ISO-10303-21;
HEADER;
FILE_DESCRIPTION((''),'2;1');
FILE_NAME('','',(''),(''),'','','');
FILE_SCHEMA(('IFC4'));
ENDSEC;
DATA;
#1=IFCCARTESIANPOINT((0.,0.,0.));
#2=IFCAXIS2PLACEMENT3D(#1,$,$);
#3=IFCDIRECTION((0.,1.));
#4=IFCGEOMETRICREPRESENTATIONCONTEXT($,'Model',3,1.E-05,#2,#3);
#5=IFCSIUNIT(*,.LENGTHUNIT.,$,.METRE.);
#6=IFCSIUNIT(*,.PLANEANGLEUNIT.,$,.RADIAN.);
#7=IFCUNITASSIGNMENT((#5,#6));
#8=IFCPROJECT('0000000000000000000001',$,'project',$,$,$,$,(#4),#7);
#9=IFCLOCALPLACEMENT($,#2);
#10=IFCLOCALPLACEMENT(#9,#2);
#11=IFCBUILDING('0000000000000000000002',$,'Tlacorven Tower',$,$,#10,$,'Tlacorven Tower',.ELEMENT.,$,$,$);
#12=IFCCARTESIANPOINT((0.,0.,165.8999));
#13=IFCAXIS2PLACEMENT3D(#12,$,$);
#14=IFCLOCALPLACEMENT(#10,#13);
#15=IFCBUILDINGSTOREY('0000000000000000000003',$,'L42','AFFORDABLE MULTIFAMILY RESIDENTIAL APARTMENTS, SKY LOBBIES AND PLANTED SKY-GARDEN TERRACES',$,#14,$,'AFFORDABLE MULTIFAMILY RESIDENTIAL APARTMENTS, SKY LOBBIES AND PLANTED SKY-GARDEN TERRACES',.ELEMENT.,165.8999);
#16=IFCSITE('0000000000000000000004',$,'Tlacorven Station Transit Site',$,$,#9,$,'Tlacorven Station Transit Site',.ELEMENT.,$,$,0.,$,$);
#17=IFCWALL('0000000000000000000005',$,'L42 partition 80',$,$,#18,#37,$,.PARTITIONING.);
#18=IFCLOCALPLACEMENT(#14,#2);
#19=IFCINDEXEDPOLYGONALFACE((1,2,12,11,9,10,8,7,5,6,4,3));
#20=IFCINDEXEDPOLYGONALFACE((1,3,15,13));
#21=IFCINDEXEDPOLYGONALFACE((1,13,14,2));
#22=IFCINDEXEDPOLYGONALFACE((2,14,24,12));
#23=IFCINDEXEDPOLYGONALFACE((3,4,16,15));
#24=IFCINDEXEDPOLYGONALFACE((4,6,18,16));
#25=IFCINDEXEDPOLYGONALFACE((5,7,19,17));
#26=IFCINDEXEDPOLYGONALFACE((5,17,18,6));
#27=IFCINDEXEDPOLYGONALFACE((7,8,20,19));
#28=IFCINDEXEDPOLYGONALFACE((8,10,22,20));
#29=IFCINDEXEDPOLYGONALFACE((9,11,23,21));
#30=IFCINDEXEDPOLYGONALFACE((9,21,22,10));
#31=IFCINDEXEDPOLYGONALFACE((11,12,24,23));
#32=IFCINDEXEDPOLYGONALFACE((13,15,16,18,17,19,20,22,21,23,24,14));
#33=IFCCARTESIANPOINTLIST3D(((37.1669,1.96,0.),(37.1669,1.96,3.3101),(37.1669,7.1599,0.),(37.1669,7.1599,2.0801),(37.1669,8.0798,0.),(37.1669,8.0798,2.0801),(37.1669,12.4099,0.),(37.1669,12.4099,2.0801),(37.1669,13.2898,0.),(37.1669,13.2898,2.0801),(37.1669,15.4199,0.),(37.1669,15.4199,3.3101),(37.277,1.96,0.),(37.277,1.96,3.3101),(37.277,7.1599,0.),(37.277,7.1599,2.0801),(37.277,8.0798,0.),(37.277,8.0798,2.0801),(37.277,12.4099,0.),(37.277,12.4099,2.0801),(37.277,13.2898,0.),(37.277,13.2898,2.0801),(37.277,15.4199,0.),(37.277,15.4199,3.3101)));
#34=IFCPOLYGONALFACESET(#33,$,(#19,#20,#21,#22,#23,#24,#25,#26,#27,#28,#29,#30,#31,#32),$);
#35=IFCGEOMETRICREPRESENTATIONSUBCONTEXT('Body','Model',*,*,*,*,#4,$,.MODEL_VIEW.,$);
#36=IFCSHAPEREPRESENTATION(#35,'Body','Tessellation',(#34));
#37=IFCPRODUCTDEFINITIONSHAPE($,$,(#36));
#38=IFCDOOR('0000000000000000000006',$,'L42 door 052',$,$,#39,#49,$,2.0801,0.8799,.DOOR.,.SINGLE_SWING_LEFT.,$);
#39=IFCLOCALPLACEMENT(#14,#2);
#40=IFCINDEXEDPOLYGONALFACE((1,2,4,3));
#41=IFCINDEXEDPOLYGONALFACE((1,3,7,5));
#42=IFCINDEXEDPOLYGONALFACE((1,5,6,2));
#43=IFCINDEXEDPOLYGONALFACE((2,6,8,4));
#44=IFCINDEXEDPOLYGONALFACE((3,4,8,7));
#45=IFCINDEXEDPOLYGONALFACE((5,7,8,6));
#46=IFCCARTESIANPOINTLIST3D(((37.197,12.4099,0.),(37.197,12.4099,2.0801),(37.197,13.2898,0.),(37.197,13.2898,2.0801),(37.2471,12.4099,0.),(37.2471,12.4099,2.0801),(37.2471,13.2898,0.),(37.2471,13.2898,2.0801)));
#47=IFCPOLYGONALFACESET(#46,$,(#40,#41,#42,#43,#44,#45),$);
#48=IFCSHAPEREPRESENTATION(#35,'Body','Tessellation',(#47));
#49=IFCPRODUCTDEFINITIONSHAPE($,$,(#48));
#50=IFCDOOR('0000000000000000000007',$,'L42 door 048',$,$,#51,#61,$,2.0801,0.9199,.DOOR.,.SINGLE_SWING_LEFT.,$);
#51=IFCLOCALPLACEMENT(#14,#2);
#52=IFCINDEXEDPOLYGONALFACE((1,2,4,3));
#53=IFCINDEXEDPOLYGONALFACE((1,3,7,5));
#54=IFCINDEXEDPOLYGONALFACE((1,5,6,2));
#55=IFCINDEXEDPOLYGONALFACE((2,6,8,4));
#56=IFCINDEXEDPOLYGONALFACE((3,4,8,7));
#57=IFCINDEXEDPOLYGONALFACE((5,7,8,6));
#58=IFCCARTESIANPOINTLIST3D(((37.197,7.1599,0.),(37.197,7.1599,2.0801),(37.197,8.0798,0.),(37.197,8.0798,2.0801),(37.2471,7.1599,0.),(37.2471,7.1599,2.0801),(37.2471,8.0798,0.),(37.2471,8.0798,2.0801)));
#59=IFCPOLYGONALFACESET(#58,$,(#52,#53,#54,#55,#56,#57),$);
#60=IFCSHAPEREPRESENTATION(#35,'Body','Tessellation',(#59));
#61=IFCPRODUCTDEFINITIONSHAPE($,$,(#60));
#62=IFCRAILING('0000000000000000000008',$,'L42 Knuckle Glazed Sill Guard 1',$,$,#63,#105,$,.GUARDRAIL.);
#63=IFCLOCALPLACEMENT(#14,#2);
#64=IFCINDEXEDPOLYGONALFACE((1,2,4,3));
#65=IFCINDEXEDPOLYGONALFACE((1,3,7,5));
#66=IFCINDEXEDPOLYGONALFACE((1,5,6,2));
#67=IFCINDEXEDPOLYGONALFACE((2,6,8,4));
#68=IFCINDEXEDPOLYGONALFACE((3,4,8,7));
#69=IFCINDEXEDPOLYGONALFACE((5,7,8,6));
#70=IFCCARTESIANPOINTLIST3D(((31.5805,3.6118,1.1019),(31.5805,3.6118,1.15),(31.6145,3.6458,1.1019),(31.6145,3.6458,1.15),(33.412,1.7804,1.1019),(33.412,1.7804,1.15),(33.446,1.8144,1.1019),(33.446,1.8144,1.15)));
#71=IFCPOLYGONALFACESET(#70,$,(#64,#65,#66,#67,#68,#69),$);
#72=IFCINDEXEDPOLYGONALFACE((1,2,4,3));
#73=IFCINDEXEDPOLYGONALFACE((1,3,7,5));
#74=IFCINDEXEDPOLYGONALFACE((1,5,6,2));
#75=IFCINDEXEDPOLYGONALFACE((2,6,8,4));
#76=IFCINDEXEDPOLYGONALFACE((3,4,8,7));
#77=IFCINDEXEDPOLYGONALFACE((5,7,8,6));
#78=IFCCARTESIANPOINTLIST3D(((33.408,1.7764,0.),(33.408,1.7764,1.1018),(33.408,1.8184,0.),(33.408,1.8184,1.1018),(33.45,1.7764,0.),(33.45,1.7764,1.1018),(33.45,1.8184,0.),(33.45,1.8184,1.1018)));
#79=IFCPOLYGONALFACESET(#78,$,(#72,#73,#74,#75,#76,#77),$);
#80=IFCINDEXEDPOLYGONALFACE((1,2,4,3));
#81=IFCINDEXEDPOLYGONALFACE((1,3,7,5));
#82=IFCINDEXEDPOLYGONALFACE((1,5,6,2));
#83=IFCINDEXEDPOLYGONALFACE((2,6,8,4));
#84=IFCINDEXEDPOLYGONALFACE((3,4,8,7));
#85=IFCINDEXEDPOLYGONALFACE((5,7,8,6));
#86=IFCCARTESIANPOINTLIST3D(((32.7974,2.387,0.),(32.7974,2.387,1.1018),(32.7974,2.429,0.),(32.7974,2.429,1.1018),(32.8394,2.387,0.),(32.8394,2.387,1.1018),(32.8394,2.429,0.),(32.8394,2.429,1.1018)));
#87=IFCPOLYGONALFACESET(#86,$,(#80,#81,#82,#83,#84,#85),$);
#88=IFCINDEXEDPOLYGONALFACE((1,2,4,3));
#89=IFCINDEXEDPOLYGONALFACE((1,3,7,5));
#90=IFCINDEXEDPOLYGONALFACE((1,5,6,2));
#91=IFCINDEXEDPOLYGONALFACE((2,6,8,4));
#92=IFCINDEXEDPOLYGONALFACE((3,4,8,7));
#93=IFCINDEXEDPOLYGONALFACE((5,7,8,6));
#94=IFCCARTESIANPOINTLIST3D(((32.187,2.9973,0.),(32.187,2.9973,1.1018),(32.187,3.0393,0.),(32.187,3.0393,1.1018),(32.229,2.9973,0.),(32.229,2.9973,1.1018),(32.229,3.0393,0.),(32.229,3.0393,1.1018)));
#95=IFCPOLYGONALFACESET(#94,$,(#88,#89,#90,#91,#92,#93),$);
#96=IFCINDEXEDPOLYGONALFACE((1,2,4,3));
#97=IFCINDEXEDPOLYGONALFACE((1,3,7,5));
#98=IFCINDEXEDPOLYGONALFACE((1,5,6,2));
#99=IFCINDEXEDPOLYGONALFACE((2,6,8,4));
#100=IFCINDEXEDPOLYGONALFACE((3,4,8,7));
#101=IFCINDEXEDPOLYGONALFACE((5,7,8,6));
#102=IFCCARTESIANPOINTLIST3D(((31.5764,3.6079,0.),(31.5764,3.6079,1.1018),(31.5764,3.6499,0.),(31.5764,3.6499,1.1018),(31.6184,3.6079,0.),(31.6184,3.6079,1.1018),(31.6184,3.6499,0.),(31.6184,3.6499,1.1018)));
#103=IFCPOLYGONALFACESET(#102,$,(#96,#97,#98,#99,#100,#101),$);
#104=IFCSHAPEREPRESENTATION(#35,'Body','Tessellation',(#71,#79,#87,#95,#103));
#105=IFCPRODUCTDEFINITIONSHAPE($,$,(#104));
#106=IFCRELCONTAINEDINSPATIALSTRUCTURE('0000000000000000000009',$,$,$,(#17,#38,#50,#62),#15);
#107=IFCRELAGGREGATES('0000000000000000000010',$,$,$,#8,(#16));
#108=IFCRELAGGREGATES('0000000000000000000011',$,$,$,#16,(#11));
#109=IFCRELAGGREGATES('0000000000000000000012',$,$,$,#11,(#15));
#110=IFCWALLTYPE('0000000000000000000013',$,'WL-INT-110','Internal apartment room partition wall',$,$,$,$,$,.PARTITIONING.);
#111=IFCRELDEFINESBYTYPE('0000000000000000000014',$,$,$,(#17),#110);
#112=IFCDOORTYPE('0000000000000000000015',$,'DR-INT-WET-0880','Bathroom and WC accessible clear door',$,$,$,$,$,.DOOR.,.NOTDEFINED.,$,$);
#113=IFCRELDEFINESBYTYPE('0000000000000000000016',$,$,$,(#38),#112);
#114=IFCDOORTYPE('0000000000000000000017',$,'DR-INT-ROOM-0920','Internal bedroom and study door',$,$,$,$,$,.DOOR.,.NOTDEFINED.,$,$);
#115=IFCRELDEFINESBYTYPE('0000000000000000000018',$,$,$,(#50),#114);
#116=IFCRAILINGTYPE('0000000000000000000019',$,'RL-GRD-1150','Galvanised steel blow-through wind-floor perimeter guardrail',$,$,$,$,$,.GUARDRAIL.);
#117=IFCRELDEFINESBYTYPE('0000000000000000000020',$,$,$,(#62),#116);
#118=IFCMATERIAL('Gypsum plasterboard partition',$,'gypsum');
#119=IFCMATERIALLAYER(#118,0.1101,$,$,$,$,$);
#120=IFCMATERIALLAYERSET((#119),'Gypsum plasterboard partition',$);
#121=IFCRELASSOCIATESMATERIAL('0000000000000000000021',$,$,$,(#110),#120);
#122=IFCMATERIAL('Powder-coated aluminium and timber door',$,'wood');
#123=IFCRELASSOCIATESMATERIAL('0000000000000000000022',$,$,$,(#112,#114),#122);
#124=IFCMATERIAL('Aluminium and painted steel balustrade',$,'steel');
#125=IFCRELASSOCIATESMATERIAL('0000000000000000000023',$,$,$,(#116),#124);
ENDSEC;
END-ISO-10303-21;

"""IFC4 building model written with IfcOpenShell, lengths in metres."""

from ifc_helpers import new_model, si_unit, direction, frame, frame_2d, origin, origin_2d, place, context, subcontext, project, spatial, rectangle, extrude, source, transform, mapped, material, layer, layer_set, type_object, element, fill, save


model = new_model("IFC4")

# Units and contexts
model_context = context("Model", 3, precision=1e-05, world=origin(), true_north=direction((0.0, 1.0)))
body_context = subcontext(model_context, "Body", "Model", "MODEL_VIEW")
ifc_project = project(units=[si_unit("LENGTHUNIT", "METRE"), si_unit("PLANEANGLEUNIT", "RADIAN")], contexts=[model_context])

# Site, building, storey
site_placement = place(None, origin())
site = spatial("IfcSite", under=ifc_project, at=site_placement, Name="Tlacorven Station Transit Site", LongName="Tlacorven Station Transit Site", CompositionType="ELEMENT", RefElevation=0.0)
building_placement = place(site_placement, origin())
building = spatial("IfcBuilding", under=site, at=building_placement, Name="Tlacorven Tower", LongName="Tlacorven Tower", CompositionType="ELEMENT")
storey_placement = place(building_placement, frame((0.0, 0.0, 165.8999)))
storey = spatial("IfcBuildingStorey", under=building, at=storey_placement, Name="L42", Description="AFFORDABLE MULTIFAMILY RESIDENTIAL APARTMENTS, SKY LOBBIES AND PLANTED SKY-GARDEN TERRACES", LongName="AFFORDABLE MULTIFAMILY RESIDENTIAL APARTMENTS, SKY LOBBIES AND PLANTED SKY-GARDEN TERRACES", CompositionType="ELEMENT", Elevation=165.8999)

# Wall, openings, doors
ifc_material_1 = material(Name="Gypsum plasterboard partition", Category="gypsum")
ifc_layer_1 = layer(ifc_material_1, 0.1101)
ifc_layer_set_1 = layer_set([ifc_layer_1], Name="Gypsum plasterboard partition")
wall_type_1 = type_object("IfcWallType", Name="WL-INT-110", Description="Internal apartment room partition wall", PredefinedType="PARTITIONING", material=ifc_layer_set_1)
wall_1_placement = place(storey_placement, frame((37.2219, 1.96, 0.0), z_axis=(0.0, 0.0, 1.0), x_axis=(0.0, 1.0, 0.0)))
wall_1 = element("IfcWall", 1, at=wall_1_placement, inside=storey, type_object=wall_type_1, Name="L42 partition 80", PredefinedType="PARTITIONING", context=body_context, shape_type="SweptSolid", body=[
    extrude(rectangle(XDim=13.46, YDim=0.1101, at=frame_2d((6.73, 0.0))), origin(), (0.0, 0.0, 1.0), 3.3101),
])
opening_1_placement = place(wall_1_placement, frame((5.2, 0.0, 0.0)))
opening_1 = element("IfcOpeningElement", 2, at=opening_1_placement, cuts=wall_1, PredefinedType="OPENING", context=body_context, shape_type="SweptSolid", body=[
    extrude(rectangle(XDim=0.9199, YDim=2.0801, at=frame_2d((0.46, 1.04))), frame((0.0, 0.0649, 0.0), z_axis=(0.0, -1.0, 0.0), x_axis=(1.0, 0.0, 0.0)), (0.0, 0.0, 1.0), 0.1301),
])
opening_2_placement = place(wall_1_placement, frame((10.45, 0.0, 0.0)))
opening_2 = element("IfcOpeningElement", 3, at=opening_2_placement, cuts=wall_1, PredefinedType="OPENING", context=body_context, shape_type="SweptSolid", body=[
    extrude(rectangle(XDim=0.8799, YDim=2.0801, at=frame_2d((0.4399, 1.04))), frame((0.0, 0.0649, 0.0), z_axis=(0.0, -1.0, 0.0), x_axis=(1.0, 0.0, 0.0)), (0.0, 0.0, 1.0), 0.1301),
])
ifc_material_2 = material(Name="Powder-coated aluminium and timber door", Category="wood")
door_type_1 = type_object("IfcDoorType", Name="DR-INT-WET-0880", Description="Bathroom and WC accessible clear door", OperationType="NOTDEFINED", PredefinedType="DOOR", material=ifc_material_2)
shared_shape_1 = source(origin(), body_context, "Body", "SweptSolid", [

--------------------------------

*THE PROBLEM*: From the listing above, output exactly the run of lines that starts with the line containing "FILE_DESCRIPTION((''),'2;1');" and ends with the line containing "#14=IFCLOCALPLACEMENT(#10,#13);".

*OUTPUT FOR THIS EXERCISE*:
FILE_DESCRIPTION((''),'2;1');
FILE_NAME('','',(''),(''),'','','');
FILE_SCHEMA(('IFC4'));
ENDSEC;
DATA;
#1=IFCCARTESIANPOINT((0.,0.,0.));
#2=IFCAXIS2PLACEMENT3D(#1,$,$);
#3=IFCDIRECTION((0.,1.));
#4=IFCGEOMETRICREPRESENTATIONCONTEXT($,'Model',3,1.E-05,#2,#3);
#5=IFCSIUNIT(*,.LENGTHUNIT.,$,.METRE.);
#6=IFCSIUNIT(*,.PLANEANGLEUNIT.,$,.RADIAN.);
#7=IFCUNITASSIGNMENT((#5,#6));
#8=IFCPROJECT('0000000000000000000001',$,'project',$,$,$,$,(#4),#7);
#9=IFCLOCALPLACEMENT($,#2);
#10=IFCLOCALPLACEMENT(#9,#2);
#11=IFCBUILDING('0000000000000000000002',$,'Tlacorven Tower',$,$,#10,$,'Tlacorven Tower',.ELEMENT.,$,$,$);
#12=IFCCARTESIANPOINT((0.,0.,165.8999));
#13=IFCAXIS2PLACEMENT3D(#12,$,$);
#14=IFCLOCALPLACEMENT(#10,#13);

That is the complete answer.